-- SOURCE MATERIAL follows --

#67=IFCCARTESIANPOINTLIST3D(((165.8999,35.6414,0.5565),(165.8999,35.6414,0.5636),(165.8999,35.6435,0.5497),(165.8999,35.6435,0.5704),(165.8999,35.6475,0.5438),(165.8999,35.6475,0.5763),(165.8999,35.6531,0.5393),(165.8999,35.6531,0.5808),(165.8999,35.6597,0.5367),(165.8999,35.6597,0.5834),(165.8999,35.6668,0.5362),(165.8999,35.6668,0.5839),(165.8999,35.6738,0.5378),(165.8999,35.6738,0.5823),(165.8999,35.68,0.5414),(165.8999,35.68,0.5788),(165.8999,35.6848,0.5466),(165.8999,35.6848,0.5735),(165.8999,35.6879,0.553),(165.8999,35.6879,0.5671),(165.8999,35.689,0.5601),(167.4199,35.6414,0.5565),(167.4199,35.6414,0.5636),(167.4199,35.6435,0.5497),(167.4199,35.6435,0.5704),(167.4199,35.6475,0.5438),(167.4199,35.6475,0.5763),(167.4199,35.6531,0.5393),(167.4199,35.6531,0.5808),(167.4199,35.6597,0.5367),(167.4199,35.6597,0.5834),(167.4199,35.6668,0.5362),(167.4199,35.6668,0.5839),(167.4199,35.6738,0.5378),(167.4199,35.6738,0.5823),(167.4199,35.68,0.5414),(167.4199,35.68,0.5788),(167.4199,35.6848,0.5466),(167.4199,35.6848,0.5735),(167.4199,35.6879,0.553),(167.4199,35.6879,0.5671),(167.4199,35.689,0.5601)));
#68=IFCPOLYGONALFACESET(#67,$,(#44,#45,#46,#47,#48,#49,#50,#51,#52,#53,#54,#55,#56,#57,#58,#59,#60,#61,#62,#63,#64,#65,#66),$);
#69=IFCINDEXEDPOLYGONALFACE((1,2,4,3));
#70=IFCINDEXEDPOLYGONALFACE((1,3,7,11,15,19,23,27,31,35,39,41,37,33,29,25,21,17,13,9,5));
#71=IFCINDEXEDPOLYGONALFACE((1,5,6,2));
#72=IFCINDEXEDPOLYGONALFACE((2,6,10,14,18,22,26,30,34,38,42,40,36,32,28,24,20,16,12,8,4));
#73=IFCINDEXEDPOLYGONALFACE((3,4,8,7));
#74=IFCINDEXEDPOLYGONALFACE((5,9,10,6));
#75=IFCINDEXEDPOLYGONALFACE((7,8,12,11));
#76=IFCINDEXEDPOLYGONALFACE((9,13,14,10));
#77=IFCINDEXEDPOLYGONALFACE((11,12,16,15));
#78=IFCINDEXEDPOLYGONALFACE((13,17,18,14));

-- SOURCE MATERIAL concluded --

**EXERCISE REQUIREMENTS**. List all lines from the entries that include the word "IFCINDEXEDPOLYGONALFACE".

**ANSWER SECTION**.
#69=IFCINDEXEDPOLYGONALFACE((1,2,4,3));
#70=IFCINDEXEDPOLYGONALFACE((1,3,7,11,15,19,23,27,31,35,39,41,37,33,29,25,21,17,13,9,5));
#71=IFCINDEXEDPOLYGONALFACE((1,5,6,2));
#72=IFCINDEXEDPOLYGONALFACE((2,6,10,14,18,22,26,30,34,38,42,40,36,32,28,24,20,16,12,8,4));
#73=IFCINDEXEDPOLYGONALFACE((3,4,8,7));
#74=IFCINDEXEDPOLYGONALFACE((5,9,10,6));
#75=IFCINDEXEDPOLYGONALFACE((7,8,12,11));
#76=IFCINDEXEDPOLYGONALFACE((9,13,14,10));
#77=IFCINDEXEDPOLYGONALFACE((11,12,16,15));
#78=IFCINDEXEDPOLYGONALFACE((13,17,18,14));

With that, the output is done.